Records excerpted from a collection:
--------------------------------

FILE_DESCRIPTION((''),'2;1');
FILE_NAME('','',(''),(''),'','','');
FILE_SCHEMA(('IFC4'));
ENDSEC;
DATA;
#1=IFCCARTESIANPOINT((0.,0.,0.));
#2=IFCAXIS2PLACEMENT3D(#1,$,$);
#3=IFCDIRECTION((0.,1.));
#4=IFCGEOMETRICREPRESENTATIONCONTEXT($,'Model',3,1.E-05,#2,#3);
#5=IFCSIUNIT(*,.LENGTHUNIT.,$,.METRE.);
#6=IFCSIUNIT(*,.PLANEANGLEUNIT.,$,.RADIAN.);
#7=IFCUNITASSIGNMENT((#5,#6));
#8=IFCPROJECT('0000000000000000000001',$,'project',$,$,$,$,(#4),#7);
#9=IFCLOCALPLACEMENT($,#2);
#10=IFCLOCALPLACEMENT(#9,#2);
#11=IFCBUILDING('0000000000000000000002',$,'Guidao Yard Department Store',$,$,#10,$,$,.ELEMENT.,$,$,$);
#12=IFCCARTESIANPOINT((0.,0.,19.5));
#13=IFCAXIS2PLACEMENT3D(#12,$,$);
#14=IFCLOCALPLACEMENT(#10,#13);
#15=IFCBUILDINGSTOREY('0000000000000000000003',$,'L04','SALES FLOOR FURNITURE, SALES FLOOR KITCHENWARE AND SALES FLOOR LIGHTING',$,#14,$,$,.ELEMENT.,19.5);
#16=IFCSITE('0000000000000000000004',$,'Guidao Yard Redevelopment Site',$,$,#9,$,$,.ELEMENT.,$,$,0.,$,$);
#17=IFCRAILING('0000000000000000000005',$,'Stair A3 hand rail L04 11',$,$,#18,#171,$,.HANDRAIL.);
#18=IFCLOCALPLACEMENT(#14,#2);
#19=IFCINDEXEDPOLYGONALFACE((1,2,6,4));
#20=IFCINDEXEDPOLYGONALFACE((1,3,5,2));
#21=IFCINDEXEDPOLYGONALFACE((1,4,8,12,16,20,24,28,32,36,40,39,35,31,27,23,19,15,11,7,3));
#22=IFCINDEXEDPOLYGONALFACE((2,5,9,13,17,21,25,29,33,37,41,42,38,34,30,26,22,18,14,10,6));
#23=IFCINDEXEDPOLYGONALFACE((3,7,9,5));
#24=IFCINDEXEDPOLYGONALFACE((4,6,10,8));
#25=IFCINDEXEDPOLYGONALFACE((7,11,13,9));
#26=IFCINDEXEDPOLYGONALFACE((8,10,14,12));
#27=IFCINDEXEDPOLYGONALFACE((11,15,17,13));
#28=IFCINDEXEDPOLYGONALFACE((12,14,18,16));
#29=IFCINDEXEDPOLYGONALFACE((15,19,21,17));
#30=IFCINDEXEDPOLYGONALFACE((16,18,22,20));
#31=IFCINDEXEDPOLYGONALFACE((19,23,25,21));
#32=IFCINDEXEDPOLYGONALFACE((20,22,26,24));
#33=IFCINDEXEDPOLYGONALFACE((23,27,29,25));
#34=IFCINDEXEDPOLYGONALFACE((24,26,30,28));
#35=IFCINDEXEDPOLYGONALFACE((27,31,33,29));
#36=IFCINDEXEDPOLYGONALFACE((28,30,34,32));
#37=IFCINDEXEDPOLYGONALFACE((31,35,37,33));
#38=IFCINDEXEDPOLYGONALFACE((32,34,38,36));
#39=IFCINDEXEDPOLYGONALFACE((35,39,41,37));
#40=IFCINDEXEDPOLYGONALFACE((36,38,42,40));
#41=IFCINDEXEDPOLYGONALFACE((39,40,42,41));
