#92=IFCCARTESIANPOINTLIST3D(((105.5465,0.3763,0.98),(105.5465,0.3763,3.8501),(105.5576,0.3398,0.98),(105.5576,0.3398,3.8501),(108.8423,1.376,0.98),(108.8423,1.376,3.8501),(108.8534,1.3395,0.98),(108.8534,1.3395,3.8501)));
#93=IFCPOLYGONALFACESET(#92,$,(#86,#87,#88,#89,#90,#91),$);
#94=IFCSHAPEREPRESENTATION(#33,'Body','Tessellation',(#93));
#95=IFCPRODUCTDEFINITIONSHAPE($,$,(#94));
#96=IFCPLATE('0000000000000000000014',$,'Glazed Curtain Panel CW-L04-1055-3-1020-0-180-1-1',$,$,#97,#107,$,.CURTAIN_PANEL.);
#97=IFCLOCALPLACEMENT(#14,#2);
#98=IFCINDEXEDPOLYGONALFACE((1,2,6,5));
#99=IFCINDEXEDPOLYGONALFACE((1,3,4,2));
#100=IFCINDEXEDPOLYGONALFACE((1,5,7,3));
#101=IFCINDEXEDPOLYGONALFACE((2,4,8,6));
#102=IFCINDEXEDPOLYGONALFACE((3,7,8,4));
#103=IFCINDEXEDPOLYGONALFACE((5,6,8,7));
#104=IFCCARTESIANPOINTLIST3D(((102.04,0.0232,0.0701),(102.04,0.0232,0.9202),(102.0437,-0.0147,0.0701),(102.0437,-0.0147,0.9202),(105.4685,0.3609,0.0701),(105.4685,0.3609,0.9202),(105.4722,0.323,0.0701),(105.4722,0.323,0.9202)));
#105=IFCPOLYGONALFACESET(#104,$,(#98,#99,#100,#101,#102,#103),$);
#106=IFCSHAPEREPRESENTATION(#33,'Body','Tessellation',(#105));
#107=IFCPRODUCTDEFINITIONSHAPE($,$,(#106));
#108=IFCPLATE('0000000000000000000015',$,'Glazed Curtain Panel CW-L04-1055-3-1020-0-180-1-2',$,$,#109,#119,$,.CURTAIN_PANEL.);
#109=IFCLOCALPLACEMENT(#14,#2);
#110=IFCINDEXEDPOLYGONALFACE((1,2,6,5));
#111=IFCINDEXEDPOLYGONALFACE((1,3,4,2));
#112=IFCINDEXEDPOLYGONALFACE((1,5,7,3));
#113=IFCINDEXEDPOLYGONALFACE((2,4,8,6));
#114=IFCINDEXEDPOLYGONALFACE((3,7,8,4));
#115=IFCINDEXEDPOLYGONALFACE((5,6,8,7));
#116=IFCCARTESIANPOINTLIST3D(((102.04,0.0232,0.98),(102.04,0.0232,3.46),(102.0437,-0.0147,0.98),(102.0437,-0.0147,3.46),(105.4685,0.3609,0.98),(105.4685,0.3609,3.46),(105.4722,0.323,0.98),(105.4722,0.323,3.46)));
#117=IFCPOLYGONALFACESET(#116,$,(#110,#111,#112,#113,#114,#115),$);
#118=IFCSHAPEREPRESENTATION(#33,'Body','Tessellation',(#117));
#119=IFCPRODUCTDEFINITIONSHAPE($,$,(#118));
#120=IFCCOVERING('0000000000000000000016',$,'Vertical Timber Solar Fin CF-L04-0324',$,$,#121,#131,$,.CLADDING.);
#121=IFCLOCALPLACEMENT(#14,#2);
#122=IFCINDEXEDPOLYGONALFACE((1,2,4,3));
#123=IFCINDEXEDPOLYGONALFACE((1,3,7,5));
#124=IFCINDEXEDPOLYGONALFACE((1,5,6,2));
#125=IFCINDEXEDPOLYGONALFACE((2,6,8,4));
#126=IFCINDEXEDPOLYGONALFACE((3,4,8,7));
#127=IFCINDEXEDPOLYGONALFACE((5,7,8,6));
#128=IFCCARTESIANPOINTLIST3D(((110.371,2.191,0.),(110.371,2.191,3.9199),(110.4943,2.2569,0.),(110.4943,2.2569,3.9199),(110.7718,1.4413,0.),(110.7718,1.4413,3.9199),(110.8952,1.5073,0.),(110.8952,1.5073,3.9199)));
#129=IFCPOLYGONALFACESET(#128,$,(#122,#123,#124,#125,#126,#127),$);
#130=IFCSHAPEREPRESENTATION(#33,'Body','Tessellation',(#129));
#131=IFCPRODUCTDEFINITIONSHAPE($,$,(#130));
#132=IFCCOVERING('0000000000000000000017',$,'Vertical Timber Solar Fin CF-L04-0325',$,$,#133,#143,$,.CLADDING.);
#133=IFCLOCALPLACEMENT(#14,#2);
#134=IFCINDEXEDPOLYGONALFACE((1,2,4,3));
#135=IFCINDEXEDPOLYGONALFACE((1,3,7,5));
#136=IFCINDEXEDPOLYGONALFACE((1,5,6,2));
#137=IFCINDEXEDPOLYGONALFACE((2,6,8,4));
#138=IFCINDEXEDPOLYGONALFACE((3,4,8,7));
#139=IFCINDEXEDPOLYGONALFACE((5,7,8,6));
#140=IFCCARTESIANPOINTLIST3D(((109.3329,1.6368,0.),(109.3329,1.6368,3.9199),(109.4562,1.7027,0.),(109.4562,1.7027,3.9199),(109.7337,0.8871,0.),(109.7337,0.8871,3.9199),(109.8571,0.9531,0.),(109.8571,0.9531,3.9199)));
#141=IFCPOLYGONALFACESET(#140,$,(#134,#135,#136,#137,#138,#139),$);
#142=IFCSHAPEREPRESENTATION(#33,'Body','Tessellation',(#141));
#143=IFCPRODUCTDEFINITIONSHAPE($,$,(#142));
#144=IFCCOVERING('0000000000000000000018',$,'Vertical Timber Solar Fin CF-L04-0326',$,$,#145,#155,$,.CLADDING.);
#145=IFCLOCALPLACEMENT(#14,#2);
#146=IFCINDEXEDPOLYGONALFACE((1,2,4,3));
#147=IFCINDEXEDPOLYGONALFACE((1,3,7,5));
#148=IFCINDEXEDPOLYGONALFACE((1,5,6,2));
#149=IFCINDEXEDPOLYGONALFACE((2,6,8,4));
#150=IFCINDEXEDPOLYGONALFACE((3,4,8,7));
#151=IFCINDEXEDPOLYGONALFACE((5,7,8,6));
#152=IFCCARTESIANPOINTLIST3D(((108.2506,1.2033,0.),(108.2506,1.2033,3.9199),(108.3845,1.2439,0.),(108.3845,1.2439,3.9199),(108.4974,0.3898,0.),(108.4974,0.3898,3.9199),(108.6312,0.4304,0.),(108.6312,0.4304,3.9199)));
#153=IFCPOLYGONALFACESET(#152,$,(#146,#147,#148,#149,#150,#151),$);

--------------------------------

Work instructions:
Give an exact copy of the lines above, from the top of the records to the line that contains "#14=IFCLOCALPLACEMENT(#10,#13);", taking in both ends.

Reply to the exercise:
FILE_DESCRIPTION((''),'2;1');
FILE_NAME('','',(''),(''),'','','');
FILE_SCHEMA(('IFC4'));
ENDSEC;
DATA;
#1=IFCCARTESIANPOINT((0.,0.,0.));
#2=IFCAXIS2PLACEMENT3D(#1,$,$);
#3=IFCDIRECTION((0.,1.));
#4=IFCGEOMETRICREPRESENTATIONCONTEXT($,'Model',3,1.E-05,#2,#3);
#5=IFCSIUNIT(*,.LENGTHUNIT.,$,.METRE.);
#6=IFCSIUNIT(*,.PLANEANGLEUNIT.,$,.RADIAN.);
#7=IFCUNITASSIGNMENT((#5,#6));
#8=IFCPROJECT('0000000000000000000001',$,'project',$,$,$,$,(#4),#7);
#9=IFCLOCALPLACEMENT($,#2);
#10=IFCLOCALPLACEMENT(#9,#2);
#11=IFCBUILDING('0000000000000000000002',$,'Guidao Yard Department Store',$,$,#10,$,$,.ELEMENT.,$,$,$);
#12=IFCCARTESIANPOINT((0.,0.,19.5));
#13=IFCAXIS2PLACEMENT3D(#12,$,$);
#14=IFCLOCALPLACEMENT(#10,#13);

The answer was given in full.